→ **THE RECORDS**:
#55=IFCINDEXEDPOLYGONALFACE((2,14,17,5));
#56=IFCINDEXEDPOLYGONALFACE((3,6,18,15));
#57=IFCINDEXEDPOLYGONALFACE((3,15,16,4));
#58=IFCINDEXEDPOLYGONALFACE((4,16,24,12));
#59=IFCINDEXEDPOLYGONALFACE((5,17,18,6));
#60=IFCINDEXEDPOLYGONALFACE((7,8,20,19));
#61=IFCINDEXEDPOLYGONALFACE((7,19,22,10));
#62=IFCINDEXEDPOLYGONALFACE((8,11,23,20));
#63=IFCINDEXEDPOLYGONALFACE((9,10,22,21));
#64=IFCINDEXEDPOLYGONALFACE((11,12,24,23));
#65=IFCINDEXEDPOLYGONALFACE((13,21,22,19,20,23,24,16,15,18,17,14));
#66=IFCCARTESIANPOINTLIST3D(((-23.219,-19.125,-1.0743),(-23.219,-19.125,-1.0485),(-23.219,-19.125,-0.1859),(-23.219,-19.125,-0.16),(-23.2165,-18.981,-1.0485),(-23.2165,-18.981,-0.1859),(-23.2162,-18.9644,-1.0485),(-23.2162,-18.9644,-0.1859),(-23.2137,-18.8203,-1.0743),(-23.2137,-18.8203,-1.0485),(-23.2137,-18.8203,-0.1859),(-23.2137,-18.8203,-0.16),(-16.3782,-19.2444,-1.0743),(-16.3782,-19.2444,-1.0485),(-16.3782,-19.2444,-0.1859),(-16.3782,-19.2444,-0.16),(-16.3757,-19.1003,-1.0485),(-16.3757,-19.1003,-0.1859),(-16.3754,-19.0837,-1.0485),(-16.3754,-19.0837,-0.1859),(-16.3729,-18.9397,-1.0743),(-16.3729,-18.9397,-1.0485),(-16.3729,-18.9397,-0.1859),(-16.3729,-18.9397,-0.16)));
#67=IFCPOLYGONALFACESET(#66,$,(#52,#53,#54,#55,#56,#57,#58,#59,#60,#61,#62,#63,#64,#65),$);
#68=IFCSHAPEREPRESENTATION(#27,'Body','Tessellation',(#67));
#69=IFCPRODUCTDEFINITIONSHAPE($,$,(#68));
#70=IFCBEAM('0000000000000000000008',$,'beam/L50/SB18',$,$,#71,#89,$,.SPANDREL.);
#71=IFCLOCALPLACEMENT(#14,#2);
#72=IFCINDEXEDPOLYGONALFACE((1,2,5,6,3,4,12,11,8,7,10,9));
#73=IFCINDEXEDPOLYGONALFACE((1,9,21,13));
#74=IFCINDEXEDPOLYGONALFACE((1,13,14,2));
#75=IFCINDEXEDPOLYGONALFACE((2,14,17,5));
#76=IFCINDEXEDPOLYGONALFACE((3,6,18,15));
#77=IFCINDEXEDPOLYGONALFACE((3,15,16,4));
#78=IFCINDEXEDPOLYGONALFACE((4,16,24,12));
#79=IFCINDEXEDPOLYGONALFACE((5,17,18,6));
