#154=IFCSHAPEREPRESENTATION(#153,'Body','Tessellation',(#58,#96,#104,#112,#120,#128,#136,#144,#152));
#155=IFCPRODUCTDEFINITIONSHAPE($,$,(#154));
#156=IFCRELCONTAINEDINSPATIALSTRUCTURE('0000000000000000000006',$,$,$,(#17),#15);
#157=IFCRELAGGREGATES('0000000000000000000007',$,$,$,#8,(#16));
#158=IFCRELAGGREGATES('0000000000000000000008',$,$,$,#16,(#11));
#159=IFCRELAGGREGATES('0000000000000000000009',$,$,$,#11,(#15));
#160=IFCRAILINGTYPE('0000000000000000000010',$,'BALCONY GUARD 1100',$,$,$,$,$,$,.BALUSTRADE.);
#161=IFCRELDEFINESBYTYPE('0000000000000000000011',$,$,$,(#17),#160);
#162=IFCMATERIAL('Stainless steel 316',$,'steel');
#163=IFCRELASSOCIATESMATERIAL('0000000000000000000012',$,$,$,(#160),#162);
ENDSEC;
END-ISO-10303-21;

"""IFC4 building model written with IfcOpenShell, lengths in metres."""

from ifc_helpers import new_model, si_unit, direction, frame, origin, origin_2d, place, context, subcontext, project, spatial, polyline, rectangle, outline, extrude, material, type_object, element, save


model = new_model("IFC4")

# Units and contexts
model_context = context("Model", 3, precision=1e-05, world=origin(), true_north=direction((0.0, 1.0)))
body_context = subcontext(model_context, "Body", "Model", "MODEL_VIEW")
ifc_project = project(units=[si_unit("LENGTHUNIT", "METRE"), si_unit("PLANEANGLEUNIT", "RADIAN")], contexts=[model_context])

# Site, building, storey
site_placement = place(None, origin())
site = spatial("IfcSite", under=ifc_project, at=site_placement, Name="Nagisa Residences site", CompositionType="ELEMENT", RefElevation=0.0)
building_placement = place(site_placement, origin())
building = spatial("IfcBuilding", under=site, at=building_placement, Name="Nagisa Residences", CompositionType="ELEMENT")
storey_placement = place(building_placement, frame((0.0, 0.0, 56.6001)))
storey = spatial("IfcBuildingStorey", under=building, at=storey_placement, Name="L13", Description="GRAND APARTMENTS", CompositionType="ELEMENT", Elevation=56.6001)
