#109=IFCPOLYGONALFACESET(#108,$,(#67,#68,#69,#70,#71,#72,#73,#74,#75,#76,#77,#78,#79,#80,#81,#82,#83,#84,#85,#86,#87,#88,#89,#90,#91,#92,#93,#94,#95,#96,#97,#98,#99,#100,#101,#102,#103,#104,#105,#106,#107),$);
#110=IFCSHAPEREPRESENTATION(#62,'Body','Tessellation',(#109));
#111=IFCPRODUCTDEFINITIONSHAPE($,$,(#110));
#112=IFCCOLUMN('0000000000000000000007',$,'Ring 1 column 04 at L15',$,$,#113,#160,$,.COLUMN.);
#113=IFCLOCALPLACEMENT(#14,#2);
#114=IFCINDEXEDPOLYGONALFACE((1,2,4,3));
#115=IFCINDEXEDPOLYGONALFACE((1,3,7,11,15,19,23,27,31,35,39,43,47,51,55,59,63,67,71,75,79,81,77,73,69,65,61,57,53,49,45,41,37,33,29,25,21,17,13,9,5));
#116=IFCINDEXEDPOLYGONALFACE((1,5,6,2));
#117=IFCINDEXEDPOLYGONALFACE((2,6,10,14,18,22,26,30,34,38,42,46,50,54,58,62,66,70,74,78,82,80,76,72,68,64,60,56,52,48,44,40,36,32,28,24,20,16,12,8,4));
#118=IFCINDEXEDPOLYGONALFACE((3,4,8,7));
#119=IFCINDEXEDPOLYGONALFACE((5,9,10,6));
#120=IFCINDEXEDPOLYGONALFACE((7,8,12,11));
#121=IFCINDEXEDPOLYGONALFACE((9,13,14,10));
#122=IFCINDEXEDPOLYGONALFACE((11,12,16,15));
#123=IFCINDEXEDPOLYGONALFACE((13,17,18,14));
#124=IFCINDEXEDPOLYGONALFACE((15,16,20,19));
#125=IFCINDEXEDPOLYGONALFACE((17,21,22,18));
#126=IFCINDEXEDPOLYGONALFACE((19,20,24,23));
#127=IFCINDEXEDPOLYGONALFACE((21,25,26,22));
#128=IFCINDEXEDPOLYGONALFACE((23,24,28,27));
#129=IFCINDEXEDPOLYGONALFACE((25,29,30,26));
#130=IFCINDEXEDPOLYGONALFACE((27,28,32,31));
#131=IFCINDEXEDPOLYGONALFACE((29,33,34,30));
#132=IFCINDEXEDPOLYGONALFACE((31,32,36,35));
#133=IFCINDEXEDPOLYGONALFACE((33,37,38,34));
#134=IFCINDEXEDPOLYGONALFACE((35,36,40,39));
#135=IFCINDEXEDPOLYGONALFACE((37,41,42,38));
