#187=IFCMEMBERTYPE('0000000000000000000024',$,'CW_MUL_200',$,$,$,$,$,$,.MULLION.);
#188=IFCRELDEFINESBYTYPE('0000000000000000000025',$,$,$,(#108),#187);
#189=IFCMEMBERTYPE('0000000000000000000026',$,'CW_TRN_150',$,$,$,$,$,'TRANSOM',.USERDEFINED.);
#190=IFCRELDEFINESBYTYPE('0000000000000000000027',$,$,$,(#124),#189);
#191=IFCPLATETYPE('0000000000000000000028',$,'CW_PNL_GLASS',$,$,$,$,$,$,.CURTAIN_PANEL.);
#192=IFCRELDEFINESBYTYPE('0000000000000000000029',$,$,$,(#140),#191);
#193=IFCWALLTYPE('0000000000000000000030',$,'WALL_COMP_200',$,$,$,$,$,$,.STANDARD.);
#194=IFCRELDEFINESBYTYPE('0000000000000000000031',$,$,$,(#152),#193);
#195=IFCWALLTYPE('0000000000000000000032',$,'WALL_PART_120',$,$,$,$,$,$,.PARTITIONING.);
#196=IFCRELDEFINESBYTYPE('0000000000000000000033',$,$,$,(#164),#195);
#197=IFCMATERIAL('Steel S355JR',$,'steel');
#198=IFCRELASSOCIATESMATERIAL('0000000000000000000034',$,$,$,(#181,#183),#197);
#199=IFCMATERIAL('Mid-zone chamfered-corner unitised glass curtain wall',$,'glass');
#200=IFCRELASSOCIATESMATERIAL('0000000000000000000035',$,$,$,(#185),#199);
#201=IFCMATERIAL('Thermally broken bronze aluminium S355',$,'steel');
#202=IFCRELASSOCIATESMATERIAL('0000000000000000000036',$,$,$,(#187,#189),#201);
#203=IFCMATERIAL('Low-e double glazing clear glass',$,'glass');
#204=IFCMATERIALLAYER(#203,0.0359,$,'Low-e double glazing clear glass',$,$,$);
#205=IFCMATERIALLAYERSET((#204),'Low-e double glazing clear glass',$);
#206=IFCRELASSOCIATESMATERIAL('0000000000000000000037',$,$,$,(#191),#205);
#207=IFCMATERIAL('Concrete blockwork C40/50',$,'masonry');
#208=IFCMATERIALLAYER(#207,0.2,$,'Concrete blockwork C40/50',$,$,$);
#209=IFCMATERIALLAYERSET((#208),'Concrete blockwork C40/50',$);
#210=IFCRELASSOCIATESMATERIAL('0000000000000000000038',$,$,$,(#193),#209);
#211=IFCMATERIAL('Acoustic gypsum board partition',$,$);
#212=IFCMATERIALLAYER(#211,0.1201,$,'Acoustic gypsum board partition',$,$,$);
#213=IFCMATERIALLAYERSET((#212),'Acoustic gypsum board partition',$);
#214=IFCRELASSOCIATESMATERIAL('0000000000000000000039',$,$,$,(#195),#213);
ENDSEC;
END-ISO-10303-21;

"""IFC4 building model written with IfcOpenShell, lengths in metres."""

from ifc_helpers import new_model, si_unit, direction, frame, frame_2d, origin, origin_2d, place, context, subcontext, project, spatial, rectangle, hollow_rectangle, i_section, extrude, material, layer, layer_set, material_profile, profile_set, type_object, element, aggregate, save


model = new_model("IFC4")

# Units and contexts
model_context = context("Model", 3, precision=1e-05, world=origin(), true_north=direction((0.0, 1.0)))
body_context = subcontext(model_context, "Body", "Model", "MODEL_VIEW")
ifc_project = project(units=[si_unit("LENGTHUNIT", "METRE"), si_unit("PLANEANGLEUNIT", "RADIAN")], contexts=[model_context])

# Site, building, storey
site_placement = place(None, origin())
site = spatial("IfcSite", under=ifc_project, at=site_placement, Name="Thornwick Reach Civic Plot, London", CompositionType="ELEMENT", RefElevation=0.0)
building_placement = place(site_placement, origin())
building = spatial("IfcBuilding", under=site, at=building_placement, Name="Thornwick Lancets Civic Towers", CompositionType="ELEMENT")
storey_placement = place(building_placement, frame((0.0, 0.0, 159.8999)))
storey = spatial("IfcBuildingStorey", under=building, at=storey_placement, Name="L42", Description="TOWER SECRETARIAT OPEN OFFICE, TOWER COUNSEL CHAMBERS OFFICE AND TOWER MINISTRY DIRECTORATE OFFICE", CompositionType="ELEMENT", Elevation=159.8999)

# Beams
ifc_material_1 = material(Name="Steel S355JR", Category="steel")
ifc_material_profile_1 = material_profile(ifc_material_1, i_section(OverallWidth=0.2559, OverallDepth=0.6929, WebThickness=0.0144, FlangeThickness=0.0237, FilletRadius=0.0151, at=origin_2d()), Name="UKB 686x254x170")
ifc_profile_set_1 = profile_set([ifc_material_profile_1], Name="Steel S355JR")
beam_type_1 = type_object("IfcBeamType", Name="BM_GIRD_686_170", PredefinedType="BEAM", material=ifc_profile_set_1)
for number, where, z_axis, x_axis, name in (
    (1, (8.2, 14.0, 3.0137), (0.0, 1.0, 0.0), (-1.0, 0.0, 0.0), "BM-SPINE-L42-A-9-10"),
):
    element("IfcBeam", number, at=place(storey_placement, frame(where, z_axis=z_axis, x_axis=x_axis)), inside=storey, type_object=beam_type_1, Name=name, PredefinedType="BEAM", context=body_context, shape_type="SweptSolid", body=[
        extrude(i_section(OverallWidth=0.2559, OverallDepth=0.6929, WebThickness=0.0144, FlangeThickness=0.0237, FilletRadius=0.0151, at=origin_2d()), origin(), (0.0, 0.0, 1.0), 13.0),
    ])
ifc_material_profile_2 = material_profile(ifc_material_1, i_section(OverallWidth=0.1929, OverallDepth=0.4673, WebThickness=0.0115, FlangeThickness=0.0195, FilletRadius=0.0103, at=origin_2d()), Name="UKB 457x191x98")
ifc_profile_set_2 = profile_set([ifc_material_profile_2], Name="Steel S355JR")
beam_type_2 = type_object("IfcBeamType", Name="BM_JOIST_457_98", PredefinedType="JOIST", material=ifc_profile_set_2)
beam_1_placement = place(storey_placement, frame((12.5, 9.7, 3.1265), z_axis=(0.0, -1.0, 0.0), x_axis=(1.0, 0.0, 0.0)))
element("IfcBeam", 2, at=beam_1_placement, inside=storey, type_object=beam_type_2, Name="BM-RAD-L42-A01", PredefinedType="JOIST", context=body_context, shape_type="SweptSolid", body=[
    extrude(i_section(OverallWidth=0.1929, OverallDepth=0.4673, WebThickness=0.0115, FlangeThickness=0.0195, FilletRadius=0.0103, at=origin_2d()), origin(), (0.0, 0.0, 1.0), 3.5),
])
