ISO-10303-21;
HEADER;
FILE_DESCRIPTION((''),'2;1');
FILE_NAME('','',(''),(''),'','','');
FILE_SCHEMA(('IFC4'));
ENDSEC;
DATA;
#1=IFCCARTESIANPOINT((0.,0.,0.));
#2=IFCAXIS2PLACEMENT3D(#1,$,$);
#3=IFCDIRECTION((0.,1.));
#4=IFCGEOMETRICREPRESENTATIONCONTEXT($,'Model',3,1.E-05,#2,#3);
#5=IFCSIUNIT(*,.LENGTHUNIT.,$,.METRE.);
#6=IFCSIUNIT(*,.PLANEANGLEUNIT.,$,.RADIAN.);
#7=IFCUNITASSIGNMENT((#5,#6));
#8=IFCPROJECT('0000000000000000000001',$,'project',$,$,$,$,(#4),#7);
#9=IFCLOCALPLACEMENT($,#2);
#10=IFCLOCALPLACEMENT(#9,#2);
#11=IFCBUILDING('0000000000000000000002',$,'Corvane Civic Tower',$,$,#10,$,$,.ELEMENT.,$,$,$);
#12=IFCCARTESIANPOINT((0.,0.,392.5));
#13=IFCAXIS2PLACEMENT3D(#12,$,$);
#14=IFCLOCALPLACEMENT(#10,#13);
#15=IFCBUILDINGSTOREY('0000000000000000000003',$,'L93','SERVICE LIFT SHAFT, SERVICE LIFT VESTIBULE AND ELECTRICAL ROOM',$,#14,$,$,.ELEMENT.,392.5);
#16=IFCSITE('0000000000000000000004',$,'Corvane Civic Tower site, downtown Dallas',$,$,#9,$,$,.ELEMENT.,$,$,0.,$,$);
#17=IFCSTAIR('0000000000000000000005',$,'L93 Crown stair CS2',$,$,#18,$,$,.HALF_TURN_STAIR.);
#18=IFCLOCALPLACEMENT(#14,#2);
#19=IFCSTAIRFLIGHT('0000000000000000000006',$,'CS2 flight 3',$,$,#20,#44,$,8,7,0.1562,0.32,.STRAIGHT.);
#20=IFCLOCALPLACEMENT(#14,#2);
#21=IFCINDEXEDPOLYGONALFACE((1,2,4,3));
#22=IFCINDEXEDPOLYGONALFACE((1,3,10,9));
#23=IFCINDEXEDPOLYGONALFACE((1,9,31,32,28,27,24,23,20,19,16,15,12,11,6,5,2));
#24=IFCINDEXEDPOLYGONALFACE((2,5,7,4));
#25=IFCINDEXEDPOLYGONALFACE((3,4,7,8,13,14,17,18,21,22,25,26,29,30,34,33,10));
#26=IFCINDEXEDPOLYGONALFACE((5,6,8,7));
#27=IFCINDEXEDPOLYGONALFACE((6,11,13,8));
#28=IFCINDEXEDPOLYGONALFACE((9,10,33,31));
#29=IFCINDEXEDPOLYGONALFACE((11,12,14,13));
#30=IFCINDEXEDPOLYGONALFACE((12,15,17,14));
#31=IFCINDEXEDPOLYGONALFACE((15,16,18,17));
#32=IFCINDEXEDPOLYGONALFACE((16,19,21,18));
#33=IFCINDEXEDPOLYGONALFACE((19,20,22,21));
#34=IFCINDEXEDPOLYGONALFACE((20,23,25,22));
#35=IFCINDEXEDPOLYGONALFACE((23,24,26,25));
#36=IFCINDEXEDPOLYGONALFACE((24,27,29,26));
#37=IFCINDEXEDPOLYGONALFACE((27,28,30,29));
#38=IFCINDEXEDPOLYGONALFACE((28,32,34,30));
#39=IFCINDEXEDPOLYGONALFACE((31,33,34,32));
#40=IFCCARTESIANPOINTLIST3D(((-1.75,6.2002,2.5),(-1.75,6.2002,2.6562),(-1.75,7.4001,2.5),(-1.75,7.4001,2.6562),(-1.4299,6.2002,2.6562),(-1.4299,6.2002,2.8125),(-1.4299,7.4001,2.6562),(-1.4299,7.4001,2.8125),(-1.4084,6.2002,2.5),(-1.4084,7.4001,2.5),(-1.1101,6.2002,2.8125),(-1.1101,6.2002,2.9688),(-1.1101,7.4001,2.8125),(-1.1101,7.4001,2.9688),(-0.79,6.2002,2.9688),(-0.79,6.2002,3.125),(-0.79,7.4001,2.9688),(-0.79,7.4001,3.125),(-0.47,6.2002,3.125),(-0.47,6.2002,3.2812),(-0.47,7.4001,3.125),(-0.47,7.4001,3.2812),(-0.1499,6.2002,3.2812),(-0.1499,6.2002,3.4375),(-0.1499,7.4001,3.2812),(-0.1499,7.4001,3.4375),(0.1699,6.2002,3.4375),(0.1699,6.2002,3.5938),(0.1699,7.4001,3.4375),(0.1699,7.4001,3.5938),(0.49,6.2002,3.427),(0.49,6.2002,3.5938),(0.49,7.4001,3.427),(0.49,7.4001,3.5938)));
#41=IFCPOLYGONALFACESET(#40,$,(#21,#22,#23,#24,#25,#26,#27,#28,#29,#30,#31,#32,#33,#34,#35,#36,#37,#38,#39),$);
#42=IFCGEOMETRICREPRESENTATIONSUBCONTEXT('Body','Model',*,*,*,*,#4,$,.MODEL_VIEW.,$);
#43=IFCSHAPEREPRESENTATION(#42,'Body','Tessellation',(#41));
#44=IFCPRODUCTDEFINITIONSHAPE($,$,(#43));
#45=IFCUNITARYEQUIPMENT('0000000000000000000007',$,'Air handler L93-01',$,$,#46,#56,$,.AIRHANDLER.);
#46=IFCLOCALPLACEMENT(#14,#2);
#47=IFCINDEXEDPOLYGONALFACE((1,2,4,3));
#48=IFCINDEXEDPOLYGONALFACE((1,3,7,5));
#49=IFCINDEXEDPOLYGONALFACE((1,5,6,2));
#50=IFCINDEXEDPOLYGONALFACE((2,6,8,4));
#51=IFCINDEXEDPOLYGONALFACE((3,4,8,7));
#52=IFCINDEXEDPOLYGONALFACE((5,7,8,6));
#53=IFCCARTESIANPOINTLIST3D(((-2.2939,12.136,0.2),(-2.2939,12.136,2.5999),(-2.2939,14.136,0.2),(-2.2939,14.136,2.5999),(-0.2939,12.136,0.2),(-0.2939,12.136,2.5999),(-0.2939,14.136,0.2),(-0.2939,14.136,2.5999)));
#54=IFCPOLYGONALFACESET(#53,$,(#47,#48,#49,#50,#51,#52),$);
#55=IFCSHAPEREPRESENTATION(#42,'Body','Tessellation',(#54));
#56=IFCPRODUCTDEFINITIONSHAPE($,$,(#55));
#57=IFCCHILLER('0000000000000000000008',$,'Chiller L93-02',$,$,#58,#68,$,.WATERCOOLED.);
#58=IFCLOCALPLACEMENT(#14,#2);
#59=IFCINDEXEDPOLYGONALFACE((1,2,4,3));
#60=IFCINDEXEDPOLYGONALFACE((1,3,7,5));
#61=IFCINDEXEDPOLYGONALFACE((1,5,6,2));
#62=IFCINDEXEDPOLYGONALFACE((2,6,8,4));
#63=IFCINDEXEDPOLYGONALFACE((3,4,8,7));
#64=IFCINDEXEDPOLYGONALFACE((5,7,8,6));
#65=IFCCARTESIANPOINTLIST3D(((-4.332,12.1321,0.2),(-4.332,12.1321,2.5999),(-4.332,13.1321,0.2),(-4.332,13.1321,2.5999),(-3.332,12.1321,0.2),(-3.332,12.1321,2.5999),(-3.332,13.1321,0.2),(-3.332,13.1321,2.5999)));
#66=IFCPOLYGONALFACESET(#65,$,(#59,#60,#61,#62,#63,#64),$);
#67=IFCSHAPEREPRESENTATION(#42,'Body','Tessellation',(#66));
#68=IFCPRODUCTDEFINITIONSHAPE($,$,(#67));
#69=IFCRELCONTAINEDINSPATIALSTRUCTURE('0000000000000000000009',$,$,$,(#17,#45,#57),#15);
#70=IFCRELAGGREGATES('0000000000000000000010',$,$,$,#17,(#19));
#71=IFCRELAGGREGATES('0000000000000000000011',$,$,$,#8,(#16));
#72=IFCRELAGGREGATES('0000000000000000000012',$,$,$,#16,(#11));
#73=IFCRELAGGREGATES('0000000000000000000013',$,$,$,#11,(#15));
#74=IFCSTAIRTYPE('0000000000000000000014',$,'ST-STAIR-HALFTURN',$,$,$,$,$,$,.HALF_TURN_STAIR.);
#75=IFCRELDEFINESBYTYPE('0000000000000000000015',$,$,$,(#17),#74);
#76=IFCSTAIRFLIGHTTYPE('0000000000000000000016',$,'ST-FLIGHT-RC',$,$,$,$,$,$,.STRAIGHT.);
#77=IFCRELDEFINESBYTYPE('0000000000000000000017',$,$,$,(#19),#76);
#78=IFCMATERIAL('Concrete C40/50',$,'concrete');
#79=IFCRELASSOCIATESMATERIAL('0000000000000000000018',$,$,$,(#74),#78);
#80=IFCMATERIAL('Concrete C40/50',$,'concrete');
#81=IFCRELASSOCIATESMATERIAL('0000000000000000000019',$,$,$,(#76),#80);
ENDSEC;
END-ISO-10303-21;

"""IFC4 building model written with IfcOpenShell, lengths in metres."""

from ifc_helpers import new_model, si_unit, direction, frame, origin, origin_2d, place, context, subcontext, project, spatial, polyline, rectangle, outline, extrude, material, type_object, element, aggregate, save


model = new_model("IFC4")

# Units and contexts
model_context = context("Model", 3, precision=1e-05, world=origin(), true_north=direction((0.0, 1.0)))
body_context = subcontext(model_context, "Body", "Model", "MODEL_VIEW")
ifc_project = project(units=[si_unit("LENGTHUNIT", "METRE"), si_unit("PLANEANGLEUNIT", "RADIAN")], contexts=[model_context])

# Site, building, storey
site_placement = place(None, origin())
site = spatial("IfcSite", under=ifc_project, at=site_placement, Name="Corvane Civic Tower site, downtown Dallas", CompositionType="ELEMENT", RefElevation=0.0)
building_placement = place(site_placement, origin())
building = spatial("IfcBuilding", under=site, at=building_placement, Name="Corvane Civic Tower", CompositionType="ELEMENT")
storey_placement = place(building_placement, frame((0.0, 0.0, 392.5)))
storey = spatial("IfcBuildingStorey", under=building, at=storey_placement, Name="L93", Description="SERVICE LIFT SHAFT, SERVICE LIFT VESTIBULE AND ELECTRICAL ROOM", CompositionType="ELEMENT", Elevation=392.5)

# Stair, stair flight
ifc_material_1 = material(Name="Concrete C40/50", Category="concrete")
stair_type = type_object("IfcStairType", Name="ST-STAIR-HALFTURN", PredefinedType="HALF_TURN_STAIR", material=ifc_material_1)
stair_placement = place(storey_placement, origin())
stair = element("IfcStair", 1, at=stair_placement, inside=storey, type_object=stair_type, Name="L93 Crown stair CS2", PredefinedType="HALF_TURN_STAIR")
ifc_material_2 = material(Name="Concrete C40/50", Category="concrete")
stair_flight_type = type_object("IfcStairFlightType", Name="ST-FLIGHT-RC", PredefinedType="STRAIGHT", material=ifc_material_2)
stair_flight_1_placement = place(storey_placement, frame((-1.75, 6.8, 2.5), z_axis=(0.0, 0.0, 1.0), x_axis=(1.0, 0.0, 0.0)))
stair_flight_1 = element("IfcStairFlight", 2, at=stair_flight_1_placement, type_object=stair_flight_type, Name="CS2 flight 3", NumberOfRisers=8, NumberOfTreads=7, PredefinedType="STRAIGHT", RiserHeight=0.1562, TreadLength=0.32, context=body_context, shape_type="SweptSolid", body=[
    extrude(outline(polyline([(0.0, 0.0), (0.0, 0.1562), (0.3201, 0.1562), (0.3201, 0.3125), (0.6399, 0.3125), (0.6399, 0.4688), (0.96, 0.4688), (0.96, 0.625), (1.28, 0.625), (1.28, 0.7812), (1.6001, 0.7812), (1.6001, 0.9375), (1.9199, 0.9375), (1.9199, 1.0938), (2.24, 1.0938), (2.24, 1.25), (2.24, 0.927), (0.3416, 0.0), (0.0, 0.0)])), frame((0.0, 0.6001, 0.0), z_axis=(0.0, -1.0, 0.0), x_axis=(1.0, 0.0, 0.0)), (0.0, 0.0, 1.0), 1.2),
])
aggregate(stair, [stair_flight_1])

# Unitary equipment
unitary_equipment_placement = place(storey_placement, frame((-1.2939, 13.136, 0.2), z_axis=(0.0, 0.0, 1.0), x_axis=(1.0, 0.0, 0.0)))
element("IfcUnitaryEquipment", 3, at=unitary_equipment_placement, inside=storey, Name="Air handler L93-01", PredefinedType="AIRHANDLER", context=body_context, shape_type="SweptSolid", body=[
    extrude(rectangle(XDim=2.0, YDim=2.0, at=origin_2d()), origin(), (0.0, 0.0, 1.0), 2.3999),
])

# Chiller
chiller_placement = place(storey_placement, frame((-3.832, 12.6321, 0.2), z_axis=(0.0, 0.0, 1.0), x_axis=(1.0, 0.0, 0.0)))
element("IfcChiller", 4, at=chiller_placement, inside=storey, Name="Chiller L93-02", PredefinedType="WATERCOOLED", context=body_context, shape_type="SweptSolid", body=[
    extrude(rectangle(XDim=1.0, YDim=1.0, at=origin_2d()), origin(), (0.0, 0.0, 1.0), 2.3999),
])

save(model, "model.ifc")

→ **INSTRUCTIONS FOR THE TASK**: Your task is to find each line in the entries that contains the string "JOIST" and copy it.

→ **EXERCISE SOLUTION**:
beam_type_2 = type_object("IfcBeamType", Name="BM_JOIST_457_98", PredefinedType="JOIST", material=ifc_profile_set_2)
element("IfcBeam", 2, at=beam_1_placement, inside=storey, type_object=beam_type_2, Name="BM-RAD-L42-A01", PredefinedType="JOIST", context=body_context, shape_type="SweptSolid", body=[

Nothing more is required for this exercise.